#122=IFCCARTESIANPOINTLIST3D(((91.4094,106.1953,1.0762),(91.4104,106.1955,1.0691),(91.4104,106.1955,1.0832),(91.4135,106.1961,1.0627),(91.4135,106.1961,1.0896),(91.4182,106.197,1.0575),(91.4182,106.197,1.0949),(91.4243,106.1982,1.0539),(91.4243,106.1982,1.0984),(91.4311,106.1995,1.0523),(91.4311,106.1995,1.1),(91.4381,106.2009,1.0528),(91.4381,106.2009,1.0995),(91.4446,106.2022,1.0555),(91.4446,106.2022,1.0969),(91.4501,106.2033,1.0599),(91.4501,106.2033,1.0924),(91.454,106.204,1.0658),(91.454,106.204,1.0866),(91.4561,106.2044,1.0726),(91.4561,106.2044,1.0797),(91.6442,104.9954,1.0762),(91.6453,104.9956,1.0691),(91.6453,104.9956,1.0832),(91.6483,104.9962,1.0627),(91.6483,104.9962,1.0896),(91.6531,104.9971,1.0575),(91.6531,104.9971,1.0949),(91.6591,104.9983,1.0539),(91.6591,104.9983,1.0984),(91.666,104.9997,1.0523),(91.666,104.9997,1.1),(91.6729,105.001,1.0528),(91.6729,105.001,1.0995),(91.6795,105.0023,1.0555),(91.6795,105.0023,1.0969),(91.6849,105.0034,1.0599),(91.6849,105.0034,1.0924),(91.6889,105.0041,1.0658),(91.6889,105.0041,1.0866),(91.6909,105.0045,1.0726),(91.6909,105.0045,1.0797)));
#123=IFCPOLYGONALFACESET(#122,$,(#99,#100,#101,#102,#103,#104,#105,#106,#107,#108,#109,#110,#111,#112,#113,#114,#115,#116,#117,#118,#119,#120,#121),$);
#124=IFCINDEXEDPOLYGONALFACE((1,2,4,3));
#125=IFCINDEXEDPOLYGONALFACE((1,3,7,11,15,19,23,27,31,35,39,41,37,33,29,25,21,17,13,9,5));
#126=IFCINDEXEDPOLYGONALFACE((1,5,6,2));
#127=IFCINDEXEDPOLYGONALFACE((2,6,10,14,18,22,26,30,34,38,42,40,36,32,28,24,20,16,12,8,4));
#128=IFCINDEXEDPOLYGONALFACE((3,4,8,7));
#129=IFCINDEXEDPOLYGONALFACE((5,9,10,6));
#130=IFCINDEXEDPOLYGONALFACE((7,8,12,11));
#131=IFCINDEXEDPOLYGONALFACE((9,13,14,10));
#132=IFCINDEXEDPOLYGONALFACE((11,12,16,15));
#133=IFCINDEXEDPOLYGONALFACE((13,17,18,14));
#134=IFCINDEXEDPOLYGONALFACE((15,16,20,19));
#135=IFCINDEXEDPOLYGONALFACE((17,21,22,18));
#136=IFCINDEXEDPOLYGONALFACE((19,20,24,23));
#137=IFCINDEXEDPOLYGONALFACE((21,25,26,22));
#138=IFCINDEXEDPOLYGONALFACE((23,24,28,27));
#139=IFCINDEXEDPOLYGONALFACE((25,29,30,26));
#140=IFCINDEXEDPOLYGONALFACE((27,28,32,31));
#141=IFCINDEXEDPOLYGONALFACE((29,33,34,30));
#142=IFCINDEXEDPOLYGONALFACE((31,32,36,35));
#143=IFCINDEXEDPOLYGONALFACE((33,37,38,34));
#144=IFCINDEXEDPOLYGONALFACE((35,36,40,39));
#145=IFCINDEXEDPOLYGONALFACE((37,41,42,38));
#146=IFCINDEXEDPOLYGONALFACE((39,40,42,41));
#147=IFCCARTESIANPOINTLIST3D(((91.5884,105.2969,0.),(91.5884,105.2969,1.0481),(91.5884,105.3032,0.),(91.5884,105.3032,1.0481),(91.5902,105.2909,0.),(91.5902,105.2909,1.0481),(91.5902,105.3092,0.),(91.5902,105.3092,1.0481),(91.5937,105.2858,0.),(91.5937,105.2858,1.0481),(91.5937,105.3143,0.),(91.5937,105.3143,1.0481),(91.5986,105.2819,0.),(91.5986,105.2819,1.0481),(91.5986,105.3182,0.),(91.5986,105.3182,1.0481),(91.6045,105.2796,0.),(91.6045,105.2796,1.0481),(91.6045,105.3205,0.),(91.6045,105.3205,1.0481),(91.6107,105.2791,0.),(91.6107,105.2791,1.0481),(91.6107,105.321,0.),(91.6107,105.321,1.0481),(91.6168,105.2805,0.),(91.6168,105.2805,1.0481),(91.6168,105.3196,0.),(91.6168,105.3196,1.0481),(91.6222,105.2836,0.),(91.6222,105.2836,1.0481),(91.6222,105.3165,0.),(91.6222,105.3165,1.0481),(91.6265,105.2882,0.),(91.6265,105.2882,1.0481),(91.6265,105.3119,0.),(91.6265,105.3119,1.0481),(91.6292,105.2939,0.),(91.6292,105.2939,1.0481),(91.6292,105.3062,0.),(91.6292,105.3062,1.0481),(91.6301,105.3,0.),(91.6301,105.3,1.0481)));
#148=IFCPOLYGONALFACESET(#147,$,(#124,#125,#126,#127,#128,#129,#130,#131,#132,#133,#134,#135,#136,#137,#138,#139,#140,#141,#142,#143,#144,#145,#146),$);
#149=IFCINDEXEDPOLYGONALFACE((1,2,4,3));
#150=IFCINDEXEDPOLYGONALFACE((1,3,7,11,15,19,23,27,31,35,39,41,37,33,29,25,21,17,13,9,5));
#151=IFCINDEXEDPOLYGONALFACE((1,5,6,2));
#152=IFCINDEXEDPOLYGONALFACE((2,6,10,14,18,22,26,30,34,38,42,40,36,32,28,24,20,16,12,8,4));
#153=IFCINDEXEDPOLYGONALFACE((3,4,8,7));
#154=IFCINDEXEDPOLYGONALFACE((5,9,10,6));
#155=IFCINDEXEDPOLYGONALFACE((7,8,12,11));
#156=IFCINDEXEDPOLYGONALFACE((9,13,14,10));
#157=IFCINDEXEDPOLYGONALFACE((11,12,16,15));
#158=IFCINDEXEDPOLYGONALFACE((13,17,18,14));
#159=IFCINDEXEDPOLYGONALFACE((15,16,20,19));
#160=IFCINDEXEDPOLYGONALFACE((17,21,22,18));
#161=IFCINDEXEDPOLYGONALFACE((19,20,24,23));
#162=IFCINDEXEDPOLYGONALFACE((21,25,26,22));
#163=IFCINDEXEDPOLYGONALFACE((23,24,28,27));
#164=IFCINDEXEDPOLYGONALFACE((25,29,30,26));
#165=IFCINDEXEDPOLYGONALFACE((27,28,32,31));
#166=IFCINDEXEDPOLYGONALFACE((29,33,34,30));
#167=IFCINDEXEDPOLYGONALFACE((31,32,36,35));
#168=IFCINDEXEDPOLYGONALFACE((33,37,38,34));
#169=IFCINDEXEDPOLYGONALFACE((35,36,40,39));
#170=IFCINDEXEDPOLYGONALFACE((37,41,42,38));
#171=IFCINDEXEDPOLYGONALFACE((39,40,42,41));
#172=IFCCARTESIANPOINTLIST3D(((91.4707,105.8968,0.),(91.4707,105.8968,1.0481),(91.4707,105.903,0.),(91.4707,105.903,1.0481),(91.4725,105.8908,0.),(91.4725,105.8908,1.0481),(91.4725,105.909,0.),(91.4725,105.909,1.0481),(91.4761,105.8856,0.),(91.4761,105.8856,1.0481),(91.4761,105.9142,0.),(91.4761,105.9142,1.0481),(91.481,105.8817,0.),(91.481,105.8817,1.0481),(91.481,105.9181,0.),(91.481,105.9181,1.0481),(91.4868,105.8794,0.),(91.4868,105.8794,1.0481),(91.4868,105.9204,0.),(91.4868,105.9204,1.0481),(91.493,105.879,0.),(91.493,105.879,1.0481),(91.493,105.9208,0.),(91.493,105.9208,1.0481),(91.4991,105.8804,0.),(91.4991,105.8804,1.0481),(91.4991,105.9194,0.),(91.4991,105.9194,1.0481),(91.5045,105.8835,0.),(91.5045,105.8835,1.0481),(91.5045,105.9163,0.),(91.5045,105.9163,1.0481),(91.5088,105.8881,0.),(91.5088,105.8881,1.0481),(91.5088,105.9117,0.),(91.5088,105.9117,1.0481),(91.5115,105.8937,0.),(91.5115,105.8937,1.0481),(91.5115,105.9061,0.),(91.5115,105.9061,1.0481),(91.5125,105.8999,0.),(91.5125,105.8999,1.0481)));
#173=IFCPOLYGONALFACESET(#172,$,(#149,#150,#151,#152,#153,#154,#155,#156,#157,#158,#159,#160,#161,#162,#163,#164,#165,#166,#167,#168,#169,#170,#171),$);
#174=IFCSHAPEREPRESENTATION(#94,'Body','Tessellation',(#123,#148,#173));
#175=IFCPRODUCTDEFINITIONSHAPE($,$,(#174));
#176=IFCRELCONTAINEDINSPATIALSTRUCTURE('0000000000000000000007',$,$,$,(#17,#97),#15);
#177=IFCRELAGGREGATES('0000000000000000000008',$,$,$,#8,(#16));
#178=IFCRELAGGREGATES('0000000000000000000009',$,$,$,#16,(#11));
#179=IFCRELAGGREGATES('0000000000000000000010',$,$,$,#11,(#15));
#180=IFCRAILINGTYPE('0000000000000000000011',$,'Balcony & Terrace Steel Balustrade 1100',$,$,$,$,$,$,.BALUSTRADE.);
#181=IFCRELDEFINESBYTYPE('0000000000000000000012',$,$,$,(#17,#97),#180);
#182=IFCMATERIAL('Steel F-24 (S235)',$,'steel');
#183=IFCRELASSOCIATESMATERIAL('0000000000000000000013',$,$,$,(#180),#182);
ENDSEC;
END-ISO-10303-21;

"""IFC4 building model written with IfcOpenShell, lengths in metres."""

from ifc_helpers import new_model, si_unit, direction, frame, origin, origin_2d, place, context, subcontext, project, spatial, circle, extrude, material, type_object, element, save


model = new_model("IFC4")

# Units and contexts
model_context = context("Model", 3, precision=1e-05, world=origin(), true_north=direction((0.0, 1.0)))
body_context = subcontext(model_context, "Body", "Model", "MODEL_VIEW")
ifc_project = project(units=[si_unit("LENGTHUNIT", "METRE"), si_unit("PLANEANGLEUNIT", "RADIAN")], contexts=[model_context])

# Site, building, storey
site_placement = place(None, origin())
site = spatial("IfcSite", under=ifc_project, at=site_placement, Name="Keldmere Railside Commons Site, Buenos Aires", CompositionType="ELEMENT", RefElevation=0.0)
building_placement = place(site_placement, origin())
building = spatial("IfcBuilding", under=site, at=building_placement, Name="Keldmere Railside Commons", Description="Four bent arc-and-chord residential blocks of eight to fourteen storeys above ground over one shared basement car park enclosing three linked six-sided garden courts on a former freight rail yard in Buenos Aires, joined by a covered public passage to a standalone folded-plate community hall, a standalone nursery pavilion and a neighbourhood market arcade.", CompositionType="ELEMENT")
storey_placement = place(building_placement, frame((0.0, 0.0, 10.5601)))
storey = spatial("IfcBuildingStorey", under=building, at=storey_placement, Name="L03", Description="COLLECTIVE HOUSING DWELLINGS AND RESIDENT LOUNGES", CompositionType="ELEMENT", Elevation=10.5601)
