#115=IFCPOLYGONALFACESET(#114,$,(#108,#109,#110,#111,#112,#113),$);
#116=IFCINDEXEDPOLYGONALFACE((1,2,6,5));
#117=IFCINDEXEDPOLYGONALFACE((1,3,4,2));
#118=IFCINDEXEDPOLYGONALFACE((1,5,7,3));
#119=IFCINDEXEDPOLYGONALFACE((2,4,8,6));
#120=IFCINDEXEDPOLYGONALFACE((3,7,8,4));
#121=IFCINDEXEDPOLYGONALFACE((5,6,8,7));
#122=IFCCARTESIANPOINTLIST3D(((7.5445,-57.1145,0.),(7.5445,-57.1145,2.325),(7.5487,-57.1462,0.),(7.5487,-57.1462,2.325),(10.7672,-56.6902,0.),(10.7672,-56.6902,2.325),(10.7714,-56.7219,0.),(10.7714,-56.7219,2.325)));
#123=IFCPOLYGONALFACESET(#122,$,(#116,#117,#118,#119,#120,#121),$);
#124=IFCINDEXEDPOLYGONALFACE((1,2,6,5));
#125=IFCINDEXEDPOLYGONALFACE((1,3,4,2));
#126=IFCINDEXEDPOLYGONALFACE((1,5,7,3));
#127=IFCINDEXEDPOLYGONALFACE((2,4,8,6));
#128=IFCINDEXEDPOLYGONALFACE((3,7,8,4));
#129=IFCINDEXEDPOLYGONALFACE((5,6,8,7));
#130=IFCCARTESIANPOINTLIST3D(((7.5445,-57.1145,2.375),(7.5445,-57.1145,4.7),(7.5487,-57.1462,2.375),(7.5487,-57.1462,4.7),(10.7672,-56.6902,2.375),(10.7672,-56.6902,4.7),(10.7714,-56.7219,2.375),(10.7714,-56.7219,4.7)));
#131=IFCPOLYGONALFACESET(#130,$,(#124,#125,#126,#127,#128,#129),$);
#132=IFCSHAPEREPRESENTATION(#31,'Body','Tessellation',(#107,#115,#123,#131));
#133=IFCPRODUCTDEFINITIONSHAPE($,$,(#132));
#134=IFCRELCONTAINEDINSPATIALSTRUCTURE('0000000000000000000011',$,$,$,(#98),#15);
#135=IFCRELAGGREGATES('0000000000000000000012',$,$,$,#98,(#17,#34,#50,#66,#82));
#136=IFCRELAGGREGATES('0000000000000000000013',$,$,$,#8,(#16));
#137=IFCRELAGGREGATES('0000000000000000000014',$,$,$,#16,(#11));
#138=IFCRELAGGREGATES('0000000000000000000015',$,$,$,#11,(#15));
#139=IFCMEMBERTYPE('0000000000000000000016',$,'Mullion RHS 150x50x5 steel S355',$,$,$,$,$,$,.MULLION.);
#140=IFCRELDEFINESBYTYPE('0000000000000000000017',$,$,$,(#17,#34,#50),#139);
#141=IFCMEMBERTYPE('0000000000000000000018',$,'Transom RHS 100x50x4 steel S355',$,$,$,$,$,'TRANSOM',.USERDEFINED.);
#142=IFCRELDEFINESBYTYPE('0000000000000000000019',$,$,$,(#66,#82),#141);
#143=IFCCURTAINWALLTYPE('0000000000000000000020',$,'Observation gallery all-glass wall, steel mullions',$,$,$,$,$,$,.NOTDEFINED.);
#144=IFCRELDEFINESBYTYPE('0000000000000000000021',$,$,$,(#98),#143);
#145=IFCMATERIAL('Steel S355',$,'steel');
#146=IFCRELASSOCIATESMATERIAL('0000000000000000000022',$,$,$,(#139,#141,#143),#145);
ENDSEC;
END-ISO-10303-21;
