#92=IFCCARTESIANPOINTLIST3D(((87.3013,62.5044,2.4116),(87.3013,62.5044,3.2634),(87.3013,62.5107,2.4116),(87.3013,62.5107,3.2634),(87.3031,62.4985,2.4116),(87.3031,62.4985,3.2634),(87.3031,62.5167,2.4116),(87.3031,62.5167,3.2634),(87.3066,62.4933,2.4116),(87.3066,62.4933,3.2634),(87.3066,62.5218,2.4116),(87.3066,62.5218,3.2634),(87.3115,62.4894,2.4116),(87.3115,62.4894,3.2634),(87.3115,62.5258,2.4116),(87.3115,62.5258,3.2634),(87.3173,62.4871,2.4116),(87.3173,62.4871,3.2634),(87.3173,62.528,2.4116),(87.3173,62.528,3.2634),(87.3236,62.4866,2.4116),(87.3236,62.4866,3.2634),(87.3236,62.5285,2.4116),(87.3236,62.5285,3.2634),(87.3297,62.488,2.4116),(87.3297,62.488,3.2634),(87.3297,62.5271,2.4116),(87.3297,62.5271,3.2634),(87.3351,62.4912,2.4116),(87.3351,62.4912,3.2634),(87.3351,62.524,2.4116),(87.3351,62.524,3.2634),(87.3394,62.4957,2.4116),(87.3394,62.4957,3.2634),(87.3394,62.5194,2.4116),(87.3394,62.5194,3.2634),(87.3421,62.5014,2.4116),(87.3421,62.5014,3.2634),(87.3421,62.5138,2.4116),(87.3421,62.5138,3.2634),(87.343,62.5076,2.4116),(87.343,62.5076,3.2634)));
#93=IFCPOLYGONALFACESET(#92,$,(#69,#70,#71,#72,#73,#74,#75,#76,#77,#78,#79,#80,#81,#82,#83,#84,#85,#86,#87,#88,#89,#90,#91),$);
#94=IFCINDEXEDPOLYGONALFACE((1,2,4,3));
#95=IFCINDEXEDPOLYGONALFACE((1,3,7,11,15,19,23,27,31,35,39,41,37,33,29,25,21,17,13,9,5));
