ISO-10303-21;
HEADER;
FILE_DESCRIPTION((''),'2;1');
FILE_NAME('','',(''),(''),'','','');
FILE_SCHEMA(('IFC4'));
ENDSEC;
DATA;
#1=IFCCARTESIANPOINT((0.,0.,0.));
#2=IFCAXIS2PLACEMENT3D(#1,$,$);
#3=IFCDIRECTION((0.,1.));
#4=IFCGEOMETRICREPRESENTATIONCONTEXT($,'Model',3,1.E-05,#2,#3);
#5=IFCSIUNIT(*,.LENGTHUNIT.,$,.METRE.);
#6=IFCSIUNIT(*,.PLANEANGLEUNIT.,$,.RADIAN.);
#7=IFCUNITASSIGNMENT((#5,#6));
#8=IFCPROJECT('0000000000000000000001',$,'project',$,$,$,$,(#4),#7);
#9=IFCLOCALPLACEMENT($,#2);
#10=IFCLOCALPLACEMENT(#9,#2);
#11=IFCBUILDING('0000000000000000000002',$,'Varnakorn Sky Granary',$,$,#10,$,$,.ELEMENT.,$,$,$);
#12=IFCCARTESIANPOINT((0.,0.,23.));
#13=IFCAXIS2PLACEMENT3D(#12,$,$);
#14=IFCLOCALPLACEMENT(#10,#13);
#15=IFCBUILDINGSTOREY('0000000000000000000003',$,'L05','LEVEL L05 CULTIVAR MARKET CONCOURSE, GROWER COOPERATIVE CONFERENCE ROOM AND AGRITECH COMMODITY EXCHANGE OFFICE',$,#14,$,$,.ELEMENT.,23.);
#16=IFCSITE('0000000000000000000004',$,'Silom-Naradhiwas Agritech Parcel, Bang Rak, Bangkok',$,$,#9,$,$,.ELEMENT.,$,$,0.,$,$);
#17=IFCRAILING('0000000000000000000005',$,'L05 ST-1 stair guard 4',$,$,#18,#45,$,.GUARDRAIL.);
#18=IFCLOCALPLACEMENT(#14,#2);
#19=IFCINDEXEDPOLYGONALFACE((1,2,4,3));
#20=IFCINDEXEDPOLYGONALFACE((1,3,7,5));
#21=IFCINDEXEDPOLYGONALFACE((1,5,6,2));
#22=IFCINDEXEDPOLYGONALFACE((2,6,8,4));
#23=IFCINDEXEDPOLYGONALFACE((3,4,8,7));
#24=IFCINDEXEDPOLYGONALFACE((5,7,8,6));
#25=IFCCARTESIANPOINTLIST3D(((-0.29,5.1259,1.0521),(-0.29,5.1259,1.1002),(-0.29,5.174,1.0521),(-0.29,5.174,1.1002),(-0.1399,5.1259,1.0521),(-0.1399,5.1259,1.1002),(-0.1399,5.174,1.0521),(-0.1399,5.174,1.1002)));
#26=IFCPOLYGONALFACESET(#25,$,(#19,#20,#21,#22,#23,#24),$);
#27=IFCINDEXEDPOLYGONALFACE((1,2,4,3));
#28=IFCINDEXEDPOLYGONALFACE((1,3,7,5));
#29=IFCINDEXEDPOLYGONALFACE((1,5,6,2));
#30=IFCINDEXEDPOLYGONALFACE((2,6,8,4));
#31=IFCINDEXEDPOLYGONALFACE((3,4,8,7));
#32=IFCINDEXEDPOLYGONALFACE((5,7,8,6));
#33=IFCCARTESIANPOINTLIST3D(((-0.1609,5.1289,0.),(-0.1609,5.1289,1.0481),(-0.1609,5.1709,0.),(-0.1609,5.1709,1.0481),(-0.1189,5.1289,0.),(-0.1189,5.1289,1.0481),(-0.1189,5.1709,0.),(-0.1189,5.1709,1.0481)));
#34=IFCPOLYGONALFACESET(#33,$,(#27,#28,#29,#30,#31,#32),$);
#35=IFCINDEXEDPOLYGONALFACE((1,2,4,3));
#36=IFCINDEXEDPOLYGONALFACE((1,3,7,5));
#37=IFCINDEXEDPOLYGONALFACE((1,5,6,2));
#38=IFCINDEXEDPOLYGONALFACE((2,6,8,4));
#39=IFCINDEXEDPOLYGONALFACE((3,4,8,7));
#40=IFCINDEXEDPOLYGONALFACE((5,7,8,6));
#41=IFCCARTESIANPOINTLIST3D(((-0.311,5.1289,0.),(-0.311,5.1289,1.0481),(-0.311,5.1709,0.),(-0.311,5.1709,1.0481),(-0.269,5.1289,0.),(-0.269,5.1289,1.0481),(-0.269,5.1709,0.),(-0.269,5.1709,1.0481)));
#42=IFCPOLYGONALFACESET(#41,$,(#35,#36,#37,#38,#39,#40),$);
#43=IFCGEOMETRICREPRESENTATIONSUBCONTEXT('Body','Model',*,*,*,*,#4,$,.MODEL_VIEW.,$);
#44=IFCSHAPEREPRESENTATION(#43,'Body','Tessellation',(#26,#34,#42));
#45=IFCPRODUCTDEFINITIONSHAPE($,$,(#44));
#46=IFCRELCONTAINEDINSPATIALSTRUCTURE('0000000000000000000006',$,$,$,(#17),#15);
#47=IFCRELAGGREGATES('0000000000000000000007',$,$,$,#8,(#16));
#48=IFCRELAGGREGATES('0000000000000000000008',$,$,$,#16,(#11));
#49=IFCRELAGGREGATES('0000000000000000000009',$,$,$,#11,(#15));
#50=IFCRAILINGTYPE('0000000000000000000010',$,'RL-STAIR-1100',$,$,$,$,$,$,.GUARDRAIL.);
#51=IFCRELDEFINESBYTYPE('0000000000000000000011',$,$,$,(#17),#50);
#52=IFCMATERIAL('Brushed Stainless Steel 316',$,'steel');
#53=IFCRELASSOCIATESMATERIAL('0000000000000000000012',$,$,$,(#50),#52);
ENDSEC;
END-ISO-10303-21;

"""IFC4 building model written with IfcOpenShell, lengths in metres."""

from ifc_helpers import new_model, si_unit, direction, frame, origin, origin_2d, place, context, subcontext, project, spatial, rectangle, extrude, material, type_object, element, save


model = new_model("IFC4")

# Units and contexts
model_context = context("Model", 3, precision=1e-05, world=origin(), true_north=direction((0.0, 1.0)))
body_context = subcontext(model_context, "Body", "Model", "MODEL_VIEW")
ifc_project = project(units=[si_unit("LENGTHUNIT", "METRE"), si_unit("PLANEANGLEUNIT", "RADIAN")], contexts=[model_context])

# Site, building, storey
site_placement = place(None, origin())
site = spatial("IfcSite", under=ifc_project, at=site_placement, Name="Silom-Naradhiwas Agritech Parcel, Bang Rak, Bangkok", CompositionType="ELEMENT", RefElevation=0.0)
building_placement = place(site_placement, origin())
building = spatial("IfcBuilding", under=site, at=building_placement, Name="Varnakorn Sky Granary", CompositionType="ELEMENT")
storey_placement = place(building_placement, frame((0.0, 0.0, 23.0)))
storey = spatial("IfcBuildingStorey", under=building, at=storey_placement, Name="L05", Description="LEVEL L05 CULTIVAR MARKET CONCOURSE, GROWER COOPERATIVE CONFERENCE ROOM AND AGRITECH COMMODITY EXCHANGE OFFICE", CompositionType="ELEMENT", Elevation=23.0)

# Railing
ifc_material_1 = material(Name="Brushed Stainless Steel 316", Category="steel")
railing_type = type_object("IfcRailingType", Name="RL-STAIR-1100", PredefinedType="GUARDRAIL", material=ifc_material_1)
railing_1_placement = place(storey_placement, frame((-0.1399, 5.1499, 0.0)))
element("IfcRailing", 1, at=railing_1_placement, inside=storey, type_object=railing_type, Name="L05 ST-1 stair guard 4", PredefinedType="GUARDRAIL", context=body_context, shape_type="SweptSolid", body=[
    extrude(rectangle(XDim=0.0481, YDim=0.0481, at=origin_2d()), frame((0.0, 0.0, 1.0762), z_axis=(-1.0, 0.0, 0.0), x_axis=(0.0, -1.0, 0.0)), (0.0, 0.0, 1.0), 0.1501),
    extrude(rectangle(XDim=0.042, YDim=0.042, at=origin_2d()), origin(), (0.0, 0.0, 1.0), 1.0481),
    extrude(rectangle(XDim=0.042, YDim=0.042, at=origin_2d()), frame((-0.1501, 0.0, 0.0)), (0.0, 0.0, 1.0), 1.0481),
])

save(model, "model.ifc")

■ **ACTION ITEM**:
Tally the lines above that contain the word "IFCMATERIAL", and reply with only the number.

■ **ANSWER SECTION**:
3